Stored data entries
· · ·
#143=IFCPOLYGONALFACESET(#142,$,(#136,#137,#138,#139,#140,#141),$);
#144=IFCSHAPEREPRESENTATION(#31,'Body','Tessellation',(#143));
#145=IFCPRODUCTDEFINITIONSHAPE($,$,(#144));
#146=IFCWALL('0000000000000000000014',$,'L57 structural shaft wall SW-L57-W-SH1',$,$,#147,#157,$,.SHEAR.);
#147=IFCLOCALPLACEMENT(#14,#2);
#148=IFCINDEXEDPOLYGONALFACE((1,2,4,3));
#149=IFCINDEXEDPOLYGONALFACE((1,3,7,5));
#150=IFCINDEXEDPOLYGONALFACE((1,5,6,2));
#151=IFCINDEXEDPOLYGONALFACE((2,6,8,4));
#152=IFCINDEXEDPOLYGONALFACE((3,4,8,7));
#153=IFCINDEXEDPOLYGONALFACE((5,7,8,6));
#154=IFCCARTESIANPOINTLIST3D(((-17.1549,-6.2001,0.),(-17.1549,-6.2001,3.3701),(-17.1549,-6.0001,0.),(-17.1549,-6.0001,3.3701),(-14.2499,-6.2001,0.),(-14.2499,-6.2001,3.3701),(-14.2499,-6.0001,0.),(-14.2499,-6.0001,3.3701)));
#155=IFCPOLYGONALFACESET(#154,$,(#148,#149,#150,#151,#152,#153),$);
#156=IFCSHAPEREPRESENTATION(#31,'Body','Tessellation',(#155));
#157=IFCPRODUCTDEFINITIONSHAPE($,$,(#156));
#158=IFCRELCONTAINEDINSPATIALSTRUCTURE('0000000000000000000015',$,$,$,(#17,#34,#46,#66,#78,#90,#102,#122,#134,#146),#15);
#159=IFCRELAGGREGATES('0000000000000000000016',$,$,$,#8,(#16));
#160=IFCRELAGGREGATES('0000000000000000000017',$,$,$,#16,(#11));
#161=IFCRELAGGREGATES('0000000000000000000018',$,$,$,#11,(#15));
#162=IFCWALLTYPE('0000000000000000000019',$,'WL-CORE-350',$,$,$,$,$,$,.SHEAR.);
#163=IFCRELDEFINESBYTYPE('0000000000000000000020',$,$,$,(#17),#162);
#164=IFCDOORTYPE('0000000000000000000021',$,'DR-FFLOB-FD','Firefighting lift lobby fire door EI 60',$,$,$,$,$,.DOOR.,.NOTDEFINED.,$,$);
· · ·
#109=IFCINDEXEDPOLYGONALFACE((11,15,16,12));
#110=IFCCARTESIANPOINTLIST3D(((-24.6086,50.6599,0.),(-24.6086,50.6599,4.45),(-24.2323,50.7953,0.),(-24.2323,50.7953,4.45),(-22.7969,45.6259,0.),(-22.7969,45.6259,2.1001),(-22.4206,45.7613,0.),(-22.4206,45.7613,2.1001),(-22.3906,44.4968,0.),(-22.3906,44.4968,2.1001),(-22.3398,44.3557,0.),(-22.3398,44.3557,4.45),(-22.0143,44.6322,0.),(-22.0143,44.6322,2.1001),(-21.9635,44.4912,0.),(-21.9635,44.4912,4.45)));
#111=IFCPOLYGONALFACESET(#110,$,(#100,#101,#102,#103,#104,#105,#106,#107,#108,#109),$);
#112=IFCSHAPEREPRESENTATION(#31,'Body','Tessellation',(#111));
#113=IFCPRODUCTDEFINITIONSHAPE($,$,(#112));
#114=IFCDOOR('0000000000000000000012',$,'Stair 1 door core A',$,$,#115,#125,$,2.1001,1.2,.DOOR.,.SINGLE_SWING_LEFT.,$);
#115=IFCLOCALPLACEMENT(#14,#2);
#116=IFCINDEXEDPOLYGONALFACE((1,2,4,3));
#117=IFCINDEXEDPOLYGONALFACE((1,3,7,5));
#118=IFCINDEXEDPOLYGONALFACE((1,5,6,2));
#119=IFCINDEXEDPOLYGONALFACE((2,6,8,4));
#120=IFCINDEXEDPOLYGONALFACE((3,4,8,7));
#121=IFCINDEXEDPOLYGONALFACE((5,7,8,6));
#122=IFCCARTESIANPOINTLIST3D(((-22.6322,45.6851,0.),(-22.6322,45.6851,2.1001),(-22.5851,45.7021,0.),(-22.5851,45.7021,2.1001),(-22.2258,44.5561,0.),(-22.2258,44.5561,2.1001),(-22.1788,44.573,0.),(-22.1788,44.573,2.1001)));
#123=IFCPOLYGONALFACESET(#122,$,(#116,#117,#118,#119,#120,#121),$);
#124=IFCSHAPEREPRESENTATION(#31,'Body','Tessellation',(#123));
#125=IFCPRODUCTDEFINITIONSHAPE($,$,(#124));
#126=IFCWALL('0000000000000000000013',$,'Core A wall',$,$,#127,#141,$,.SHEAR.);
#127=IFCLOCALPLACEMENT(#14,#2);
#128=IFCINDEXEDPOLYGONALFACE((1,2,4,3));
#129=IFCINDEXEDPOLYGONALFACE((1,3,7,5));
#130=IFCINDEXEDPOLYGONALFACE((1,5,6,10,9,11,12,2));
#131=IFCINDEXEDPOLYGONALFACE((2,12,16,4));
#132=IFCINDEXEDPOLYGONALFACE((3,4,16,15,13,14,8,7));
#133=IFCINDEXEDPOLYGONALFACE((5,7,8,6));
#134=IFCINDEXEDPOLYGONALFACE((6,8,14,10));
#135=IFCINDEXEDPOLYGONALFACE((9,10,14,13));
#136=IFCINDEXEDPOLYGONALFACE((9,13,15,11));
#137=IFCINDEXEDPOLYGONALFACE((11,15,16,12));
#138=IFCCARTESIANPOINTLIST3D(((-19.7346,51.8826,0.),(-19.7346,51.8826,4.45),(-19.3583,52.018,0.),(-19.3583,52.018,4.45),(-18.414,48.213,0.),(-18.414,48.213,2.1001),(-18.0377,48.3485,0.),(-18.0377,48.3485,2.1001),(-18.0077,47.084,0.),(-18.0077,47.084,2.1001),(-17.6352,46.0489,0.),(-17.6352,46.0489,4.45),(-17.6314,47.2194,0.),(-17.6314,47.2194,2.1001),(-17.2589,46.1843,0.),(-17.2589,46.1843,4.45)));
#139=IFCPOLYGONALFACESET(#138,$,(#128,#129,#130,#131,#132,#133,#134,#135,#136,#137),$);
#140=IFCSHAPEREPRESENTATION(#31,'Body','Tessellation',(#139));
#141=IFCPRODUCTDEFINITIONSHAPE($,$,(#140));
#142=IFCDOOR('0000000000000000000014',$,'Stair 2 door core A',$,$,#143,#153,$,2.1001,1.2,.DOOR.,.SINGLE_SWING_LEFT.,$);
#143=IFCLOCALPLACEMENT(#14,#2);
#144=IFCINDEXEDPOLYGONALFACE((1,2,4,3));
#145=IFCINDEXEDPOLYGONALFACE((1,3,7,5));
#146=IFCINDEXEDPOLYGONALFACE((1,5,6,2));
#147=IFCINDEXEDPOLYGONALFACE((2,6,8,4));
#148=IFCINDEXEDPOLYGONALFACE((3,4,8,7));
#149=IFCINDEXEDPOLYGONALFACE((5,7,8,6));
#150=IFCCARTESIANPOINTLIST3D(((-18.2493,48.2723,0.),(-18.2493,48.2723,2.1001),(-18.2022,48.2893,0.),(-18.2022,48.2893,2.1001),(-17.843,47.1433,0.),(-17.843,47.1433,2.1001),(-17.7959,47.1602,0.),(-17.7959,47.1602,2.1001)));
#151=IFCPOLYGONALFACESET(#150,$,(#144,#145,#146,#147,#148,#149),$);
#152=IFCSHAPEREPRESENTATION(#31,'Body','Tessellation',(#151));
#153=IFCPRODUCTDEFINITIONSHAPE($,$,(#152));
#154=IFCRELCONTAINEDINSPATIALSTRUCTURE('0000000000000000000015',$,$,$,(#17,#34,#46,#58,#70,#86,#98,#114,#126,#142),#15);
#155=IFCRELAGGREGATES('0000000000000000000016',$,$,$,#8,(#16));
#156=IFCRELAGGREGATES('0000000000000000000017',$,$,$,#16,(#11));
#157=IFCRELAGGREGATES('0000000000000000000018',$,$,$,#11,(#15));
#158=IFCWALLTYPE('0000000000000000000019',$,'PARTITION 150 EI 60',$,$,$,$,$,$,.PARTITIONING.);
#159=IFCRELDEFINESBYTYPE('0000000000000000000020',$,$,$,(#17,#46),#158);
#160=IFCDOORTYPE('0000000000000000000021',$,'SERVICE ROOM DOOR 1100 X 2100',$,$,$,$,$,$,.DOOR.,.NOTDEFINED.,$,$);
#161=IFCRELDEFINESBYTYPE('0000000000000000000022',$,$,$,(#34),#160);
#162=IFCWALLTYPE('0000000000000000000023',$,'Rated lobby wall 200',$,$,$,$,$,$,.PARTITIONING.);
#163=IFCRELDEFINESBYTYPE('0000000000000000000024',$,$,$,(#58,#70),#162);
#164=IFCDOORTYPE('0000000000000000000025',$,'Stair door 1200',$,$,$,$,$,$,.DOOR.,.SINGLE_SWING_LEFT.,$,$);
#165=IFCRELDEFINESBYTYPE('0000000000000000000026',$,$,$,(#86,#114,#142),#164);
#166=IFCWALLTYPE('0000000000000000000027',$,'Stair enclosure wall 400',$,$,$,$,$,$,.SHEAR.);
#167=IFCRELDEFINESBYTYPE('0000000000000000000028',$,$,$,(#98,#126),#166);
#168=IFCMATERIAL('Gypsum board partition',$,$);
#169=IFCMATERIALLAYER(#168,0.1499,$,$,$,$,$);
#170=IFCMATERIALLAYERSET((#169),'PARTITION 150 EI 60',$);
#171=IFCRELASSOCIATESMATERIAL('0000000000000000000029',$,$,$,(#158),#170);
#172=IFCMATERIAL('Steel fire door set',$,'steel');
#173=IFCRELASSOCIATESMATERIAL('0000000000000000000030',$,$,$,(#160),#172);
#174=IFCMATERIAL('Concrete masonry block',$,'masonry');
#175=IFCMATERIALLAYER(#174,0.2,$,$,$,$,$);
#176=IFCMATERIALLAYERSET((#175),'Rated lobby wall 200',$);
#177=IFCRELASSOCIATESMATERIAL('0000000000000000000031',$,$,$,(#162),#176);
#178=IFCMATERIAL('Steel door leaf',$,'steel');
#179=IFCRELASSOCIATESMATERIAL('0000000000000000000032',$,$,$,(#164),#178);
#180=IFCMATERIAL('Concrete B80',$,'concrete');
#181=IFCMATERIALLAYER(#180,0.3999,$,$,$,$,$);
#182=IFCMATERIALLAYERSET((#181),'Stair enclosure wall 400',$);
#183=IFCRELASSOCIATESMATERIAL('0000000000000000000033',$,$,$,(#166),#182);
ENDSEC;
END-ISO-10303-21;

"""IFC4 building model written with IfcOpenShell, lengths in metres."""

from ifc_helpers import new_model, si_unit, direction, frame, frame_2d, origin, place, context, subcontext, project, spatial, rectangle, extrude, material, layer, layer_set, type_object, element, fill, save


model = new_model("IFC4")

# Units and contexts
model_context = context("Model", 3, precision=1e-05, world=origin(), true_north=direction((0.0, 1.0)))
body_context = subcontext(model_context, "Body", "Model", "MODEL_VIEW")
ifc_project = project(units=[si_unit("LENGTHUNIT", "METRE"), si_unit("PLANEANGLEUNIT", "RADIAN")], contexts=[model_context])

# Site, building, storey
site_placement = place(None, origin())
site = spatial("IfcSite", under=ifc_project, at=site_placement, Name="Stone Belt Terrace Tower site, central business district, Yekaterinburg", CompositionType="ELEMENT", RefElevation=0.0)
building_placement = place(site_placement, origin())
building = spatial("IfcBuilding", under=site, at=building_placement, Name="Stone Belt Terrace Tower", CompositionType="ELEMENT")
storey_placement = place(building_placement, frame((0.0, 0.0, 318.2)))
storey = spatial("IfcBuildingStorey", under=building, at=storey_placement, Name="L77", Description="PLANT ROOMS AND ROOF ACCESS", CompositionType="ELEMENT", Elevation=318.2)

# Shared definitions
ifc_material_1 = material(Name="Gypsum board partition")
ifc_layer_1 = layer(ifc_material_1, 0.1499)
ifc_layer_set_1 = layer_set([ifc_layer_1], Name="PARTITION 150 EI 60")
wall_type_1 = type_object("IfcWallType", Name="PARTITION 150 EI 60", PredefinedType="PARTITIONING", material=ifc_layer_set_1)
· · ·
How many of the lines in the records above include the word "IFCPRODUCTDEFINITIONSHAPE"? State that number alone.

• Result
6